-- Data section follows --
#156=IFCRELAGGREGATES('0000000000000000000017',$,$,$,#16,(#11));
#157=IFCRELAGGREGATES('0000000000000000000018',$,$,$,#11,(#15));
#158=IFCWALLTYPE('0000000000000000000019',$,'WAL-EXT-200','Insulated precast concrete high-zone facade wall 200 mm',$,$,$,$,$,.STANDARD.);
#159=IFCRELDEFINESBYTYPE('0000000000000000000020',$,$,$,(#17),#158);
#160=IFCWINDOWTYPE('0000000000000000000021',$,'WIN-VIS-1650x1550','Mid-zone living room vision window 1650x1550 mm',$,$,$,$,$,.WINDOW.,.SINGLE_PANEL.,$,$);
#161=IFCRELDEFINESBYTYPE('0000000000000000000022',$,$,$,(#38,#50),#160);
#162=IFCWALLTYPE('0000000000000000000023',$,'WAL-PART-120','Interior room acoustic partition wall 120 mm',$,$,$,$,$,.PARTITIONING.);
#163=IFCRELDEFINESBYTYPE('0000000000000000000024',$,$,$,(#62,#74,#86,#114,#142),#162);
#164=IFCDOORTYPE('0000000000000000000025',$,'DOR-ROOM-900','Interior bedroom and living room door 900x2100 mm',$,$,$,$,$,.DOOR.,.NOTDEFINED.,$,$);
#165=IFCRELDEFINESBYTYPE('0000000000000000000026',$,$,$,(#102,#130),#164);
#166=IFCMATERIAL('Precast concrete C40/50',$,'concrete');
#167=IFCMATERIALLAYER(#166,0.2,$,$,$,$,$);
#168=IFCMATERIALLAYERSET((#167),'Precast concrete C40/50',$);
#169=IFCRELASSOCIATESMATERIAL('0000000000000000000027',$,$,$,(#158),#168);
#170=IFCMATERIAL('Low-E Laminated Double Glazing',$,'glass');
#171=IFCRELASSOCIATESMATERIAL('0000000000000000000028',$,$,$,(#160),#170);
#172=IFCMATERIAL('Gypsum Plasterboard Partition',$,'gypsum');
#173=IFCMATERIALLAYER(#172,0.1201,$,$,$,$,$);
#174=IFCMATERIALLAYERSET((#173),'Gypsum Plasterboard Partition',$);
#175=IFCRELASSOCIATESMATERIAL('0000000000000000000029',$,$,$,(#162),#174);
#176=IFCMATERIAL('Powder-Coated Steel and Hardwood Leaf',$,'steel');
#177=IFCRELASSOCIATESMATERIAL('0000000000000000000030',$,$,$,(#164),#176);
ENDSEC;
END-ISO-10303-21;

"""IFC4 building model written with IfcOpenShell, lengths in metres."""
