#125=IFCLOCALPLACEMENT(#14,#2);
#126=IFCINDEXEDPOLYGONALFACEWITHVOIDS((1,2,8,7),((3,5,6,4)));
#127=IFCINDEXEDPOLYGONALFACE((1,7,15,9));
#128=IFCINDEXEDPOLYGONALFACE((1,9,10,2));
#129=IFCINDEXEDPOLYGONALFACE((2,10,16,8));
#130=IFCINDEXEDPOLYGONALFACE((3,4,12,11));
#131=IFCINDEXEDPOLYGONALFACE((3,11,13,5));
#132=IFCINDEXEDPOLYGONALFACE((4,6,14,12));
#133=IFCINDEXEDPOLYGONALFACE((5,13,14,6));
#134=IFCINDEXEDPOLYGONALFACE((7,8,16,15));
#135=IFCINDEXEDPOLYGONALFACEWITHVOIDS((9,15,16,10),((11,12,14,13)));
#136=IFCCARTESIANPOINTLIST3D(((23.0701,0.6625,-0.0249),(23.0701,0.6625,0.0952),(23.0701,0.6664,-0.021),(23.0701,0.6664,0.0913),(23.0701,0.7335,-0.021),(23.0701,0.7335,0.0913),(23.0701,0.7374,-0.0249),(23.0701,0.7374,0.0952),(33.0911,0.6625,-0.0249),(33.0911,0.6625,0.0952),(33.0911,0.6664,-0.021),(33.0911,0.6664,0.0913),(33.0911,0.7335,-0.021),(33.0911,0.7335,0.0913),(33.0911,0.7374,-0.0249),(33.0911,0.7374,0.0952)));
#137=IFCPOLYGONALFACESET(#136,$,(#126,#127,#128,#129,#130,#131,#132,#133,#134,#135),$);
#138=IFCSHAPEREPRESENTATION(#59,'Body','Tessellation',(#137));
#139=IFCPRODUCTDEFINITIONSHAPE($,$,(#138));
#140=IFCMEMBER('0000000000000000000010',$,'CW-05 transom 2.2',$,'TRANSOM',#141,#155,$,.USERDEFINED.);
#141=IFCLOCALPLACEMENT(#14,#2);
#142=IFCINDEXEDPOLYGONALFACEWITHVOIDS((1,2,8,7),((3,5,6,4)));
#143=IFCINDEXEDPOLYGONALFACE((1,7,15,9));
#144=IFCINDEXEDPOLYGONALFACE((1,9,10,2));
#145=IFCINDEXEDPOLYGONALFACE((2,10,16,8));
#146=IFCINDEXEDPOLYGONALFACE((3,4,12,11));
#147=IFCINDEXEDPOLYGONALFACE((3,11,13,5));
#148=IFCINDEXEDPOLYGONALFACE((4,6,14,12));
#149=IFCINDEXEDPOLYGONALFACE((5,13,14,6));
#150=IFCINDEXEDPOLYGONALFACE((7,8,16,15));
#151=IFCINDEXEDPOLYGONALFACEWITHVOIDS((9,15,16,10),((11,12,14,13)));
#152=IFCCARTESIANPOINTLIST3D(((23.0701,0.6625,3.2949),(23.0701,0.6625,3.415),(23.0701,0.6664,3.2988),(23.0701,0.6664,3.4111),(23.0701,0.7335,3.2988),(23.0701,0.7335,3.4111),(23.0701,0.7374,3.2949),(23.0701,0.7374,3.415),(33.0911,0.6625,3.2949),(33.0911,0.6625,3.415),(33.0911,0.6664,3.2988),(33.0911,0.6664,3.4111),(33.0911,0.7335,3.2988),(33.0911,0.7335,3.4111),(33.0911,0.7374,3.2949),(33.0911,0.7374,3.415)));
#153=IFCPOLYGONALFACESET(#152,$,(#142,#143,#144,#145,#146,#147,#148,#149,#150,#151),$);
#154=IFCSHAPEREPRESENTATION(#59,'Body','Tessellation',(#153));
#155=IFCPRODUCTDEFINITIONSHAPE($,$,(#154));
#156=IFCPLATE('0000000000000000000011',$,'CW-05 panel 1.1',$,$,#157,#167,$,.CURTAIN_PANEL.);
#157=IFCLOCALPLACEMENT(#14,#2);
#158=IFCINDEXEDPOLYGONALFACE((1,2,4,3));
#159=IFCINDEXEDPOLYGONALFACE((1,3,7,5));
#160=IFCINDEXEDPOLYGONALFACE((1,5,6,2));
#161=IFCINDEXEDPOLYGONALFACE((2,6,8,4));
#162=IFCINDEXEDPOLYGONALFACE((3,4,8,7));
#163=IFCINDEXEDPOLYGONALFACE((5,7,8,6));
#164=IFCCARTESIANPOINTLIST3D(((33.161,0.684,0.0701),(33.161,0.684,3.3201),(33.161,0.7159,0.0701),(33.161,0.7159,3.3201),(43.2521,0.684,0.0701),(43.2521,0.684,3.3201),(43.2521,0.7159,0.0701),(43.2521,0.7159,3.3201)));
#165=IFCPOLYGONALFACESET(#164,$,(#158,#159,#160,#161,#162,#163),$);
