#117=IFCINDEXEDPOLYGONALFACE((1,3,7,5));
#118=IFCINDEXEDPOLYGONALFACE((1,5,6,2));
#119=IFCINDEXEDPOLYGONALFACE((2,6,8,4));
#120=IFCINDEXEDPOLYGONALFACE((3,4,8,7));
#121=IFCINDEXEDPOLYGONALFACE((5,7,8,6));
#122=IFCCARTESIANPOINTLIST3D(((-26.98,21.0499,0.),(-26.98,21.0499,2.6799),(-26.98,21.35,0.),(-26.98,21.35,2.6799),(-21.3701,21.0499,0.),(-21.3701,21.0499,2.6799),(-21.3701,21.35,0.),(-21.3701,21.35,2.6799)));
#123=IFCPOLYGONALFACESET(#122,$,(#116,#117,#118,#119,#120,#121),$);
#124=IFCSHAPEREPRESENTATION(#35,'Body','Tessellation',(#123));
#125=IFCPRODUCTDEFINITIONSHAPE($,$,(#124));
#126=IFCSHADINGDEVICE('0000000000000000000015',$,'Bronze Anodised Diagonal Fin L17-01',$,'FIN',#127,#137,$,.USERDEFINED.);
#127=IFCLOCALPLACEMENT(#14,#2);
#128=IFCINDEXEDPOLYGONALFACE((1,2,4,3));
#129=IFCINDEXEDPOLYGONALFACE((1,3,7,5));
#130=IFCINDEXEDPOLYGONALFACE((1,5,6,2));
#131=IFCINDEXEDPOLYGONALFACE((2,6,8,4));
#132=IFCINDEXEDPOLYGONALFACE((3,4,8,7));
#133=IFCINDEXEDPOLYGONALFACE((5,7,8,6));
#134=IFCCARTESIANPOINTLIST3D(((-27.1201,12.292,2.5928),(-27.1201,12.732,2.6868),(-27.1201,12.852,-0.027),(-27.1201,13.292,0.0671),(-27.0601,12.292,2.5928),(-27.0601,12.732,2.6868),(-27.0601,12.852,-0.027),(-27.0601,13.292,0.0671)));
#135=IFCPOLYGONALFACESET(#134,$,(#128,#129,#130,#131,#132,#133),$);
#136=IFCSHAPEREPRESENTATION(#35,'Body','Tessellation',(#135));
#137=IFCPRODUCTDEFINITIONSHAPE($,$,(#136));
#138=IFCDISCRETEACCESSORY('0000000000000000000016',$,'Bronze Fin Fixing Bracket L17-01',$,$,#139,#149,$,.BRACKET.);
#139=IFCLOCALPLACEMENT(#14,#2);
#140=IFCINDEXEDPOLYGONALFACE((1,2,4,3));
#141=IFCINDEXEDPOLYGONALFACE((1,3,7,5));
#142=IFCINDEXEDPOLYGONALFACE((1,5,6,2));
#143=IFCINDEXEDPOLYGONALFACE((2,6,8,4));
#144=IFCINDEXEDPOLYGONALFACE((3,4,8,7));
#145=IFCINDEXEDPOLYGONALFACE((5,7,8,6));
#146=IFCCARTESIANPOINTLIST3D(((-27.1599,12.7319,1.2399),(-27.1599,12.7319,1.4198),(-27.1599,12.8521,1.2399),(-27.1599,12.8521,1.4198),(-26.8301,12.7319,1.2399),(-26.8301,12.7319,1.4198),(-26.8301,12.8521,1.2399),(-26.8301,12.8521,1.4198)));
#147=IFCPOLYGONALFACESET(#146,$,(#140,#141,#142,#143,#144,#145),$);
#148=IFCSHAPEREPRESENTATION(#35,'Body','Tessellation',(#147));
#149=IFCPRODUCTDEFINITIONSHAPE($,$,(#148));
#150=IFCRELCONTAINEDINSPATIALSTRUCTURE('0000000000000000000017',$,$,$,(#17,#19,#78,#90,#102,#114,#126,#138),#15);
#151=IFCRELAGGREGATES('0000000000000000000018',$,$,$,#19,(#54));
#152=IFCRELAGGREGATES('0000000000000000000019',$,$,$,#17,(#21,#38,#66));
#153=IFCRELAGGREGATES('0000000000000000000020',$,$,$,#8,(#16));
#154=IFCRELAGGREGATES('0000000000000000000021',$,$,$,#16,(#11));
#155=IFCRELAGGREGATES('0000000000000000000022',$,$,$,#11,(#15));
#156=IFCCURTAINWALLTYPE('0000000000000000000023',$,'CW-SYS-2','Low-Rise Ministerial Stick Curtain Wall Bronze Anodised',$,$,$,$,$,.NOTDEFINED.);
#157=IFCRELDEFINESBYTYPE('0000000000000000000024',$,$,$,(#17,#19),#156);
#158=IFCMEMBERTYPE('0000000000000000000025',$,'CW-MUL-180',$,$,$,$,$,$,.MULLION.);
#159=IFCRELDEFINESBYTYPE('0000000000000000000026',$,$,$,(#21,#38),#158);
-- Data section concluded --
#### [Task prompt]
With the line containing "#154=IFCRELAGGREGATES('0000000000000000000021',$,$,$,#16,(#11));" as the start and the last line of the entries as the end, print that whole span exactly.

#### [Exercise response]
#154=IFCRELAGGREGATES('0000000000000000000021',$,$,$,#16,(#11));
#155=IFCRELAGGREGATES('0000000000000000000022',$,$,$,#11,(#15));
#156=IFCCURTAINWALLTYPE('0000000000000000000023',$,'CW-SYS-2','Low-Rise Ministerial Stick Curtain Wall Bronze Anodised',$,$,$,$,$,.NOTDEFINED.);
#157=IFCRELDEFINESBYTYPE('0000000000000000000024',$,$,$,(#17,#19),#156);
#158=IFCMEMBERTYPE('0000000000000000000025',$,'CW-MUL-180',$,$,$,$,$,$,.MULLION.);
#159=IFCRELDEFINESBYTYPE('0000000000000000000026',$,$,$,(#21,#38),#158);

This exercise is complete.